> **PROMPT**
Given the listing below, write out exactly the lines starting with the line that has "#50=IFCINDEXEDPOLYGONALFACE((49,53,54,50));" and going on through the line that has "#61=IFCINDEXEDPOLYGONALFACE((71,72,74,73));", both kept.
----- PROVIDED DATA -----
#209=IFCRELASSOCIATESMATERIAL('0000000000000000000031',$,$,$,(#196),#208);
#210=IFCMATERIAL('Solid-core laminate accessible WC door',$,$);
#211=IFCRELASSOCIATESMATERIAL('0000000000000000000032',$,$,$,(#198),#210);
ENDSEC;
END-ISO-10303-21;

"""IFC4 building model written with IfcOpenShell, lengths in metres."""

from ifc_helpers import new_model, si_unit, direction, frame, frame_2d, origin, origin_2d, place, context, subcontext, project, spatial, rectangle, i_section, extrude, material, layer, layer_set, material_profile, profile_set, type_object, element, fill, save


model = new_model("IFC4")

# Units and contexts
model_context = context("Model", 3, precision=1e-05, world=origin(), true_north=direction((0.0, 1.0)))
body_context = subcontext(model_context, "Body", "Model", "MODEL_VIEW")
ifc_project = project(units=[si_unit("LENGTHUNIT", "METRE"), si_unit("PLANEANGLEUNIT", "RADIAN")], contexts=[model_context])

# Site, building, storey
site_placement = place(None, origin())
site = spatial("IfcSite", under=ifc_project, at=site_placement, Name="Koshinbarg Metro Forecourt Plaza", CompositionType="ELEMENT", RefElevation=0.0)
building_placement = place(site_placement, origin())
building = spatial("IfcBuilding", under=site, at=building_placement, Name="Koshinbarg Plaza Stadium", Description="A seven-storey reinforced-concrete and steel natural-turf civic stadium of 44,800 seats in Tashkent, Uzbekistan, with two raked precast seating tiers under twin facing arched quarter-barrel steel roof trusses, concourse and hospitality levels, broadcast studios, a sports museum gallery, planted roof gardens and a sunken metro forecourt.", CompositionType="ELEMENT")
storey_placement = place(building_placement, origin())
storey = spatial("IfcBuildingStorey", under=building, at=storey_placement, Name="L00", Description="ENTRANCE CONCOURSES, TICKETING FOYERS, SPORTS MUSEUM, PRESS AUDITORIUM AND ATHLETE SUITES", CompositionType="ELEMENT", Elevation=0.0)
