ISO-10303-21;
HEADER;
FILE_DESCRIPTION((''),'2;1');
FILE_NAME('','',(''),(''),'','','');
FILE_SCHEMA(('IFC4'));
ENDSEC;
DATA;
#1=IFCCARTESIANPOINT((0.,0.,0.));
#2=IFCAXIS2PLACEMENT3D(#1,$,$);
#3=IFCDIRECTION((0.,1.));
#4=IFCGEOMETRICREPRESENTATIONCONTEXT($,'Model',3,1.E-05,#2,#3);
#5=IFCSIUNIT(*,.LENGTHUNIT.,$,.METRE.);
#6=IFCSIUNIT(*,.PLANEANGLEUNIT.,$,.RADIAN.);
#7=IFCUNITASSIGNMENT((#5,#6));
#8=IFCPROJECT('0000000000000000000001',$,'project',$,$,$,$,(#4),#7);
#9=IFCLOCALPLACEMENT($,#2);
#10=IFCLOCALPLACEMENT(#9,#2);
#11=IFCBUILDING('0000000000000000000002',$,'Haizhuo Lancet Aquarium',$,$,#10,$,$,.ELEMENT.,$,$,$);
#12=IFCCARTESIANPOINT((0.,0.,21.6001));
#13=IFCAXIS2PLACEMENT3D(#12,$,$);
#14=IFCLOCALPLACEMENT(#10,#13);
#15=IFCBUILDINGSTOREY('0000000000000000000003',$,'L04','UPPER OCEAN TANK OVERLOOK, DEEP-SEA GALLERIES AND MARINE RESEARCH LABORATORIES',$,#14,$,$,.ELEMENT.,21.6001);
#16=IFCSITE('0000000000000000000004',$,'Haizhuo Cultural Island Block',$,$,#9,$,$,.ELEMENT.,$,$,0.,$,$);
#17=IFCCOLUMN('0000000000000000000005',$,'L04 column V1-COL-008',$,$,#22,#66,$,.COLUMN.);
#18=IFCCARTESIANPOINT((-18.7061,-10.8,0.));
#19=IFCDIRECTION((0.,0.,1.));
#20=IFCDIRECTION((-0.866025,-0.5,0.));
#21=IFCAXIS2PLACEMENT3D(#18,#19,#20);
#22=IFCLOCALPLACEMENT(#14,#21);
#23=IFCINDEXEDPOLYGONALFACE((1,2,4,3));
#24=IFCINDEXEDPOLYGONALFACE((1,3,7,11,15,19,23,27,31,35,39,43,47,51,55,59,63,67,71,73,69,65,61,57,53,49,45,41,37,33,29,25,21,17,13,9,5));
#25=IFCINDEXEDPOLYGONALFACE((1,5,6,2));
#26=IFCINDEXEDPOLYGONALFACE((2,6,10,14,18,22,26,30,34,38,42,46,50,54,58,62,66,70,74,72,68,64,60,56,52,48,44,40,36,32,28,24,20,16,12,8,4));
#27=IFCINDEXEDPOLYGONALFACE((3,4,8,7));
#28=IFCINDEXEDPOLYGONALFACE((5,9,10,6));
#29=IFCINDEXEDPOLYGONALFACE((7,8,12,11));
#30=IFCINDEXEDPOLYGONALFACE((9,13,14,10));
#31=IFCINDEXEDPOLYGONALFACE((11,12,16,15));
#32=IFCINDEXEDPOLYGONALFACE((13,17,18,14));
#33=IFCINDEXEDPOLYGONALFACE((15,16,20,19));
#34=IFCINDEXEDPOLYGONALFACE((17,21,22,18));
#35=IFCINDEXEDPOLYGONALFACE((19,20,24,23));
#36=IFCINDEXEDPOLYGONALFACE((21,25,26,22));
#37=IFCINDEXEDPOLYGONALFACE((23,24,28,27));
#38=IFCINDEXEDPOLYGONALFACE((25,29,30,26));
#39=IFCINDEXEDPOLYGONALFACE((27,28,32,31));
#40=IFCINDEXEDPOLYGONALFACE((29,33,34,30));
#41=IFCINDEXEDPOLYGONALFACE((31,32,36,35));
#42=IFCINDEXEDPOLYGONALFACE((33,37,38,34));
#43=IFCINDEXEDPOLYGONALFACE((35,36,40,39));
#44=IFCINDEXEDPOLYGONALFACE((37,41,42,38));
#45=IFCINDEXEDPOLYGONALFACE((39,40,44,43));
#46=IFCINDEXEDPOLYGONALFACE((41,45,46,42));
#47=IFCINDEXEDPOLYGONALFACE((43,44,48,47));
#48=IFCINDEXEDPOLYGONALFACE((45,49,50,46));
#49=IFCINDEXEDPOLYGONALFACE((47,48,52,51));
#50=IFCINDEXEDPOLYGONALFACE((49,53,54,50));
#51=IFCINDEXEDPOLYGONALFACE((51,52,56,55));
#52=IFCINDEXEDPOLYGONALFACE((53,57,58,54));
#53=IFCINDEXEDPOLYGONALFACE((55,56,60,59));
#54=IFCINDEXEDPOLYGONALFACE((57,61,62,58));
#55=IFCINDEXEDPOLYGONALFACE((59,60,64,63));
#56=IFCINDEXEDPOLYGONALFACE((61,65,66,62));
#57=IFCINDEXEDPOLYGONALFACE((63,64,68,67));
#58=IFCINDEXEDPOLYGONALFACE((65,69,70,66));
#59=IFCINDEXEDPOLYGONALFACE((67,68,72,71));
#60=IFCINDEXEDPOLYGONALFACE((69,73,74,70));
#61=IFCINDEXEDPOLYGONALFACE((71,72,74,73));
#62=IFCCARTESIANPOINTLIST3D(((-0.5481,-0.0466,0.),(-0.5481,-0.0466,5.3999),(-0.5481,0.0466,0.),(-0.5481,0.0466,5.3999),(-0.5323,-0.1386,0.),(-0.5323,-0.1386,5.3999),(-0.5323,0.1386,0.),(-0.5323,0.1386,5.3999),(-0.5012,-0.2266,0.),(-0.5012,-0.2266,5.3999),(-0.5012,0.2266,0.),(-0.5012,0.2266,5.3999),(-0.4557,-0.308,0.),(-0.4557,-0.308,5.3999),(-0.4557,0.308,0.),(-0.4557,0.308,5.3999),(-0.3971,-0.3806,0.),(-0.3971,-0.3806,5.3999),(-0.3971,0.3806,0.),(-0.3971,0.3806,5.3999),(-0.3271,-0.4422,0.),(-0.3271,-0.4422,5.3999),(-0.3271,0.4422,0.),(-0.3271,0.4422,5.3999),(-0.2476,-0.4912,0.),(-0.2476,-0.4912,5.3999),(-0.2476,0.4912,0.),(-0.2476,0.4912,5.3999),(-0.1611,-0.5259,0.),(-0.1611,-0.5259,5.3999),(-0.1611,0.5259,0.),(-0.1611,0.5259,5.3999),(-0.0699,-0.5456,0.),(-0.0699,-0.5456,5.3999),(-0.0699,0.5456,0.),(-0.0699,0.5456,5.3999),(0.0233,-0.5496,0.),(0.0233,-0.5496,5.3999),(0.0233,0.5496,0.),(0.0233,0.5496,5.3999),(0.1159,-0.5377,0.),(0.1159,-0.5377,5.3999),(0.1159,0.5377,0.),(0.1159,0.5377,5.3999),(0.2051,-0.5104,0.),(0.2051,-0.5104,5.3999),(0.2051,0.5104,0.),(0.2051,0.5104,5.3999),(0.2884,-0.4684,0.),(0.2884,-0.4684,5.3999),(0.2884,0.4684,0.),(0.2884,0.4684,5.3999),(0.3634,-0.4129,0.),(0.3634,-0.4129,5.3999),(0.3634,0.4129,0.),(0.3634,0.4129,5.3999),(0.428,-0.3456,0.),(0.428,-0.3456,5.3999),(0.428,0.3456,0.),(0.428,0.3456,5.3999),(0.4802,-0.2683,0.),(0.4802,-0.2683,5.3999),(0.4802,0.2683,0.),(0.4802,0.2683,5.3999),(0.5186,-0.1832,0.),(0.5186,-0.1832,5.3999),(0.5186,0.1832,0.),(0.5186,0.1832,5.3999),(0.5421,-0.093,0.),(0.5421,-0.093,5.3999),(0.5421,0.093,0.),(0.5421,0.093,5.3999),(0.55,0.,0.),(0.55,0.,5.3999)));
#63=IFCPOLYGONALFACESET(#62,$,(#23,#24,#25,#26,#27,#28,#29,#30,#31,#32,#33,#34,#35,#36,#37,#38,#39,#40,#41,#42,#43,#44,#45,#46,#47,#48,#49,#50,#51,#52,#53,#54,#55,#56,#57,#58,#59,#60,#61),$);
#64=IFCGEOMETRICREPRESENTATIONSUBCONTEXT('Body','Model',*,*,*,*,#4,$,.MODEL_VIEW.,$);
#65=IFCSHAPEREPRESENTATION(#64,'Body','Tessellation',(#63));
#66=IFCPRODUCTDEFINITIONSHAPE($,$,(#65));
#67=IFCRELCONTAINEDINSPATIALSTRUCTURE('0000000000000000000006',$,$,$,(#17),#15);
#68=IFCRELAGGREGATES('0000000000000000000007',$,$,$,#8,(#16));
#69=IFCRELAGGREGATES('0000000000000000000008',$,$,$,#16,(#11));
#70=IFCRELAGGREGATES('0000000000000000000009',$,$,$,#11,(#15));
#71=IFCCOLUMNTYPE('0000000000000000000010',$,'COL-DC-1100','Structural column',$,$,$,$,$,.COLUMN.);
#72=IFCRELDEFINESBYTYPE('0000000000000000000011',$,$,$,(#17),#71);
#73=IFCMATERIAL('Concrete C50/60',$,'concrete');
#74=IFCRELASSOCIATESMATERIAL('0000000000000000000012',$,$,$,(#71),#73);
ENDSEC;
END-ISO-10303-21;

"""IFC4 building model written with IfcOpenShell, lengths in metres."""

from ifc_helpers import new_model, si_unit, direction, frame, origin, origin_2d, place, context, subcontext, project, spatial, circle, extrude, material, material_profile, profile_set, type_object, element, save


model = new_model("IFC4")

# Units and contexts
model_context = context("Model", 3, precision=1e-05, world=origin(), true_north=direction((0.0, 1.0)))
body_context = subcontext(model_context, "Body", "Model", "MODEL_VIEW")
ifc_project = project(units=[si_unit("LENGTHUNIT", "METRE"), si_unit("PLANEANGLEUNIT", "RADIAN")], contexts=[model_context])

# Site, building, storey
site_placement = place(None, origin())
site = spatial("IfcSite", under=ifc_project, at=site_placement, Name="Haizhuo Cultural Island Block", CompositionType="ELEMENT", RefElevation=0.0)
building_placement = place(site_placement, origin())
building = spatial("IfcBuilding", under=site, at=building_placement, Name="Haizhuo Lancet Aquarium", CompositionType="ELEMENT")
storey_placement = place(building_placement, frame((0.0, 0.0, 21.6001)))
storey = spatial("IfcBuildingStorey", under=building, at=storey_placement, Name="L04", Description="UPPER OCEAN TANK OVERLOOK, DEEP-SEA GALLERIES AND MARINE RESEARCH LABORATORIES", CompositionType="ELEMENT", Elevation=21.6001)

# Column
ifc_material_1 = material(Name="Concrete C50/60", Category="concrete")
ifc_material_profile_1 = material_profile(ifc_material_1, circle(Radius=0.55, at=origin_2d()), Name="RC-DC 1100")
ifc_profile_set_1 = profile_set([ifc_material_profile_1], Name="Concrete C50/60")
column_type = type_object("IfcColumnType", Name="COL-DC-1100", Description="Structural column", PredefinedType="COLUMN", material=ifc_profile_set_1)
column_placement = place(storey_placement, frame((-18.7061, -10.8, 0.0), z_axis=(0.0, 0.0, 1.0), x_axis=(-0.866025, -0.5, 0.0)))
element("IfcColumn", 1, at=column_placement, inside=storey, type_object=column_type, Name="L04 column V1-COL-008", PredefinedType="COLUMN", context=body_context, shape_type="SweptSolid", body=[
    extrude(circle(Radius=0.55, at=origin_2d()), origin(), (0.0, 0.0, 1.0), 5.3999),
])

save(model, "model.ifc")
-----
> **EXERCISE OUTPUT**
#50=IFCINDEXEDPOLYGONALFACE((49,53,54,50));
#51=IFCINDEXEDPOLYGONALFACE((51,52,56,55));
#52=IFCINDEXEDPOLYGONALFACE((53,57,58,54));
#53=IFCINDEXEDPOLYGONALFACE((55,56,60,59));
#54=IFCINDEXEDPOLYGONALFACE((57,61,62,58));
#55=IFCINDEXEDPOLYGONALFACE((59,60,64,63));
#56=IFCINDEXEDPOLYGONALFACE((61,65,66,62));
#57=IFCINDEXEDPOLYGONALFACE((63,64,68,67));
#58=IFCINDEXEDPOLYGONALFACE((65,69,70,66));
#59=IFCINDEXEDPOLYGONALFACE((67,68,72,71));
#60=IFCINDEXEDPOLYGONALFACE((69,73,74,70));
#61=IFCINDEXEDPOLYGONALFACE((71,72,74,73));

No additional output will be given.